▶ [TASK GOAL] Go through the material and pull out every line with the string "glass" in it.

▶ [EXERCISE DATA]
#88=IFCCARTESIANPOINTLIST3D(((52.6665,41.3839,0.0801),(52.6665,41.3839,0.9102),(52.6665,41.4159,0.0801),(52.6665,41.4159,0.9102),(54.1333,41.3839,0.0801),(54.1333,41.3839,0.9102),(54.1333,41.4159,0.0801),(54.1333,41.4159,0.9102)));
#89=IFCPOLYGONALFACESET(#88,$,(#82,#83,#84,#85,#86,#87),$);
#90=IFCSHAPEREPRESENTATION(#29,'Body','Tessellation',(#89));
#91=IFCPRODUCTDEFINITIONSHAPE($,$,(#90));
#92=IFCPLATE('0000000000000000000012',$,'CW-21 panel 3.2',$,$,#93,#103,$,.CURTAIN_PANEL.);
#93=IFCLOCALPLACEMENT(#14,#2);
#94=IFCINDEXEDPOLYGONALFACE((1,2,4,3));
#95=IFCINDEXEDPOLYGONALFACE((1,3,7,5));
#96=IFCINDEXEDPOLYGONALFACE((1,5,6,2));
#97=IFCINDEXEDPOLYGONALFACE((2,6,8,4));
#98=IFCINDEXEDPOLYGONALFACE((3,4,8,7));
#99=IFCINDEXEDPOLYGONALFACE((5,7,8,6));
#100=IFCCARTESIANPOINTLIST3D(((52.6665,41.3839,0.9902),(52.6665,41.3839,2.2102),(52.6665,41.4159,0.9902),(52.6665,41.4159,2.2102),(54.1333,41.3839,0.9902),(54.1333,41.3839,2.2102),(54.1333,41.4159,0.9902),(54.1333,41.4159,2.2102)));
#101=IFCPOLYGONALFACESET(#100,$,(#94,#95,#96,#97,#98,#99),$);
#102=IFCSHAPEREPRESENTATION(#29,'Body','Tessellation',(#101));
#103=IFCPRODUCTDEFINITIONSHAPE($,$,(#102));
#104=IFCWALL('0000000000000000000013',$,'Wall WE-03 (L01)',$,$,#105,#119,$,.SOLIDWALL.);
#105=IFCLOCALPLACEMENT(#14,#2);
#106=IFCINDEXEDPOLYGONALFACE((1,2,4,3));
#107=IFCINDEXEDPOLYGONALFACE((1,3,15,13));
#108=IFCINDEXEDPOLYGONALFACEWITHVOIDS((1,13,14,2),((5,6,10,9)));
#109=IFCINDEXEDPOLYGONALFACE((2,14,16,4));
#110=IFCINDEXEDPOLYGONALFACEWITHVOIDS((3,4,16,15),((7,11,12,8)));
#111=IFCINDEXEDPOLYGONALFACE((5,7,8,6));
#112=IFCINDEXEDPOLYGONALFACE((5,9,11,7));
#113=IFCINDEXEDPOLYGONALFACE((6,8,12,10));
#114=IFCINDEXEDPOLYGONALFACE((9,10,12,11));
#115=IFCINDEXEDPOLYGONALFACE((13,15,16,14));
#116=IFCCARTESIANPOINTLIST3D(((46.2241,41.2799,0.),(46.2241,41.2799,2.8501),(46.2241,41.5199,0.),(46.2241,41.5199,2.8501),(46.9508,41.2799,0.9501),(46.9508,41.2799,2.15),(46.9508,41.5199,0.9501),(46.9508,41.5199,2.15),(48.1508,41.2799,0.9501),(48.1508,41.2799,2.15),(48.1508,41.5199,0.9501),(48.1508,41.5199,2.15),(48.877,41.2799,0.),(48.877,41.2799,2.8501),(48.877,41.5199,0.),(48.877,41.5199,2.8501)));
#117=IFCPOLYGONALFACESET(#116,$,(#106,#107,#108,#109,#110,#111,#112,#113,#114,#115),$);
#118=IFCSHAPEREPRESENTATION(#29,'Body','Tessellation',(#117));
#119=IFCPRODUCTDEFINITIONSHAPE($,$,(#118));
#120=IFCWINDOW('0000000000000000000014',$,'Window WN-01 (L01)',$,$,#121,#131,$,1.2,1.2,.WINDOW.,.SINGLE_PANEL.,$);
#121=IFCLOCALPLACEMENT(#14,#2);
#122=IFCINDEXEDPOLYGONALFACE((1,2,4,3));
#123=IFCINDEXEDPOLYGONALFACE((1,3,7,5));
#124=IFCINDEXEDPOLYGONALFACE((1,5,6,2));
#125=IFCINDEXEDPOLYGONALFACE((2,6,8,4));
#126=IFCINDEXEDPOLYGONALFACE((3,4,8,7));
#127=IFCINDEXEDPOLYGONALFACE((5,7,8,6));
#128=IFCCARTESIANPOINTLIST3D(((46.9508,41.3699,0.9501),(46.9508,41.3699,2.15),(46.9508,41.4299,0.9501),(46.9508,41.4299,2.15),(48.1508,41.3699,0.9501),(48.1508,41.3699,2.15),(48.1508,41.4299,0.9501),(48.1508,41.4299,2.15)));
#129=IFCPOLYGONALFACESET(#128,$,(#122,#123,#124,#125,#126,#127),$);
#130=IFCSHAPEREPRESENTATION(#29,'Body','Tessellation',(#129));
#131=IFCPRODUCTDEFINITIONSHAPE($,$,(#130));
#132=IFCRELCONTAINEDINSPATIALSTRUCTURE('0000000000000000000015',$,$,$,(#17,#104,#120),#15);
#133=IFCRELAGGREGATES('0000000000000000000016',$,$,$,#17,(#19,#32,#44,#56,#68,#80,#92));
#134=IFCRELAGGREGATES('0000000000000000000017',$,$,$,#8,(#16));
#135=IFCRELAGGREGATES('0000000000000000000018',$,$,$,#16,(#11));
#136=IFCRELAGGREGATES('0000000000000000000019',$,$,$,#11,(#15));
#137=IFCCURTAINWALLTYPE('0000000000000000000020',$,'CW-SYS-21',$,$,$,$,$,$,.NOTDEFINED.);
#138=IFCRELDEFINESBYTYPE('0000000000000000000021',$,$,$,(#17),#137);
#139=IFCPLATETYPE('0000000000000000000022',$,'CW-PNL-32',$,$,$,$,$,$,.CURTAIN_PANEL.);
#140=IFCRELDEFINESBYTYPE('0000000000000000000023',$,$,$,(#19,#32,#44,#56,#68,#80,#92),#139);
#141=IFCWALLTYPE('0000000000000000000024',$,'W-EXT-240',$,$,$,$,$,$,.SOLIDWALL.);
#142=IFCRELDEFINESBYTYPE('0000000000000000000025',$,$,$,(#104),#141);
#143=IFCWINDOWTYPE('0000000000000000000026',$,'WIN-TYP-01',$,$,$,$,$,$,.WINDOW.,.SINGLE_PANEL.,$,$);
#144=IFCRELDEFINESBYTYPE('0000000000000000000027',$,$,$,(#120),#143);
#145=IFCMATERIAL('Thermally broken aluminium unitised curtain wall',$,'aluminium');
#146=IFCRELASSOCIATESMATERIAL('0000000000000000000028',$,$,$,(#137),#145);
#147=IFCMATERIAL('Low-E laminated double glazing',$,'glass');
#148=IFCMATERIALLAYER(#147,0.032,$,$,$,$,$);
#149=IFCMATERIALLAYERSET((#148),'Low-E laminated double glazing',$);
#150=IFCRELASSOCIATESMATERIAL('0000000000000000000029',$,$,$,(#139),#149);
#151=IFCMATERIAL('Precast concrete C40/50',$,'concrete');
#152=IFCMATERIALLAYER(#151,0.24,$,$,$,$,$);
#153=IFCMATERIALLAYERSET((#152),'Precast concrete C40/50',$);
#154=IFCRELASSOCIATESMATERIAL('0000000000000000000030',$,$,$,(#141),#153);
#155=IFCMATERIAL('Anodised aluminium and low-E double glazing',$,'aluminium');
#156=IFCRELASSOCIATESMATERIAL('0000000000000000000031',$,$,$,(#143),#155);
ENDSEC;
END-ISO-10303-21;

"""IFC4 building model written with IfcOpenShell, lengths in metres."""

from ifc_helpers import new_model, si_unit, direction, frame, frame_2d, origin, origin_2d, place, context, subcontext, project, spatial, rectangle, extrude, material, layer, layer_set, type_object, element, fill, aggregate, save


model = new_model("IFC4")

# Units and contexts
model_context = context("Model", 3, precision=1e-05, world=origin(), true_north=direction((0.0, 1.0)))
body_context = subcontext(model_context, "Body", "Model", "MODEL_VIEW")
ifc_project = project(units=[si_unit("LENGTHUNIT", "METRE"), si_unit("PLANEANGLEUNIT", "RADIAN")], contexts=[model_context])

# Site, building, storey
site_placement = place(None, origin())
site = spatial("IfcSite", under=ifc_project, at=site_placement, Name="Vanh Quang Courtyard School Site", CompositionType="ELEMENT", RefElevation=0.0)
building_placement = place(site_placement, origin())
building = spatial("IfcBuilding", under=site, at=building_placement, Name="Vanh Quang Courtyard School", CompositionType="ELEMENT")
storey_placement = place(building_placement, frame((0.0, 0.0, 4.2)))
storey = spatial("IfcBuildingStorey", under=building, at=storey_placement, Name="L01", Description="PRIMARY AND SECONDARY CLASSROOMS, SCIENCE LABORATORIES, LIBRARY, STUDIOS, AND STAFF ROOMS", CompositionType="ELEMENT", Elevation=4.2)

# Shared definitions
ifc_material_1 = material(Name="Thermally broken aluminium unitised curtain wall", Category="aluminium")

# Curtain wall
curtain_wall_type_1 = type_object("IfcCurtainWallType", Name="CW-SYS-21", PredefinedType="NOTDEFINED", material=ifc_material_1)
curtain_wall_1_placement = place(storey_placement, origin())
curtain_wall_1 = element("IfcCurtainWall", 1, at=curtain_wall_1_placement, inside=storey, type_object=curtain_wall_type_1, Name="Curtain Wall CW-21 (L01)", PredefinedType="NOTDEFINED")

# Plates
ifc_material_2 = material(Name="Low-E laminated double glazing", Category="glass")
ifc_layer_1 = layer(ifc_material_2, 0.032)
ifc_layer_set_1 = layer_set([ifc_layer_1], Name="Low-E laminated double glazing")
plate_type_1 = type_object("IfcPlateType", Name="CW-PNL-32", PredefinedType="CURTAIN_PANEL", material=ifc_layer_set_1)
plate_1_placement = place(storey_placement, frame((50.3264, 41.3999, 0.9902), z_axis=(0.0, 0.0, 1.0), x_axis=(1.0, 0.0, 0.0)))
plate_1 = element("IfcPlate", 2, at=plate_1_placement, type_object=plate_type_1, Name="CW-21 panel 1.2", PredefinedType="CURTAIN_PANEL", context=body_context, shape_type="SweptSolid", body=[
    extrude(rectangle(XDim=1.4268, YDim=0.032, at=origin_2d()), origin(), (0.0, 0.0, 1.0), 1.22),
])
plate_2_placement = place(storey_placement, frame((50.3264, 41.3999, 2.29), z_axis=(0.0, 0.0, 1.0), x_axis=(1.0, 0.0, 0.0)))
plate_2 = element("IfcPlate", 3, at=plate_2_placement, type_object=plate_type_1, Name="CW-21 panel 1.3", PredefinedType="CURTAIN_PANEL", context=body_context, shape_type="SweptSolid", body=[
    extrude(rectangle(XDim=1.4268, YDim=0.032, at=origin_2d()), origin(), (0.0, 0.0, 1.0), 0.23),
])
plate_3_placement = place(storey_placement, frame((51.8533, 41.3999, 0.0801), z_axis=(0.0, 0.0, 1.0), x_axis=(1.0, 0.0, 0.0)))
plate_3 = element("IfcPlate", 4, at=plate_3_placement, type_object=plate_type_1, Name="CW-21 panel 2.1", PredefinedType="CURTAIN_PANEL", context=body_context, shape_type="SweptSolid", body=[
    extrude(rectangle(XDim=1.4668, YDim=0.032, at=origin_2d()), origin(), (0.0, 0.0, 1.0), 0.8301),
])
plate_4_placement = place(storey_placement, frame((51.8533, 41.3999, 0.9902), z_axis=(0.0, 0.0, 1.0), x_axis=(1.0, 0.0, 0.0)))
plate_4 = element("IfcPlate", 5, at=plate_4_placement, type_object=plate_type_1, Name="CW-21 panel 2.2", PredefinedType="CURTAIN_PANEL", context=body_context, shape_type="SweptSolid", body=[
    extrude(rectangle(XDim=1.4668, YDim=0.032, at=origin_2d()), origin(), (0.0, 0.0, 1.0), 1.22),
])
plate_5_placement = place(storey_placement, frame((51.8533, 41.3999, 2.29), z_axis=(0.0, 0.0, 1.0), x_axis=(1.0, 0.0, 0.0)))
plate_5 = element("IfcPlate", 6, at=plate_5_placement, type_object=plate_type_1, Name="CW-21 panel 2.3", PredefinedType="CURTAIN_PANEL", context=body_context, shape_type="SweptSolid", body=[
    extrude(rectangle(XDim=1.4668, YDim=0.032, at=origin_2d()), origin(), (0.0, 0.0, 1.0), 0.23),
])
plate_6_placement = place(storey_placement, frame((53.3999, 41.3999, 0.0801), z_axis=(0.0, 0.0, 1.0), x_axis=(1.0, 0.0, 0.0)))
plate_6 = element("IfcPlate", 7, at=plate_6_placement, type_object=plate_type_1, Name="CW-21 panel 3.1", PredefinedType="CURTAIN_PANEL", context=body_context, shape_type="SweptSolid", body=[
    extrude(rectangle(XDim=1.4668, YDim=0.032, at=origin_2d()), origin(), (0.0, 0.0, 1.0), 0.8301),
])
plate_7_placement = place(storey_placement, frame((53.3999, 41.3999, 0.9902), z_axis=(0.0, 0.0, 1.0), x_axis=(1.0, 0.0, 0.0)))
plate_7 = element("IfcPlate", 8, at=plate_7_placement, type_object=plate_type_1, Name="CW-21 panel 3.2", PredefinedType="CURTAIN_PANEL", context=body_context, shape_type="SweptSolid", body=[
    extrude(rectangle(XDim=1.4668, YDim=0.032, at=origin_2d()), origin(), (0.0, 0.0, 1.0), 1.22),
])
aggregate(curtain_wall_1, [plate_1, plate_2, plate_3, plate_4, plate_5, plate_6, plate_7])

▶ [RESULT OF THIS TASK]
#147=IFCMATERIAL('Low-E laminated double glazing',$,'glass');
ifc_material_2 = material(Name="Low-E laminated double glazing", Category="glass")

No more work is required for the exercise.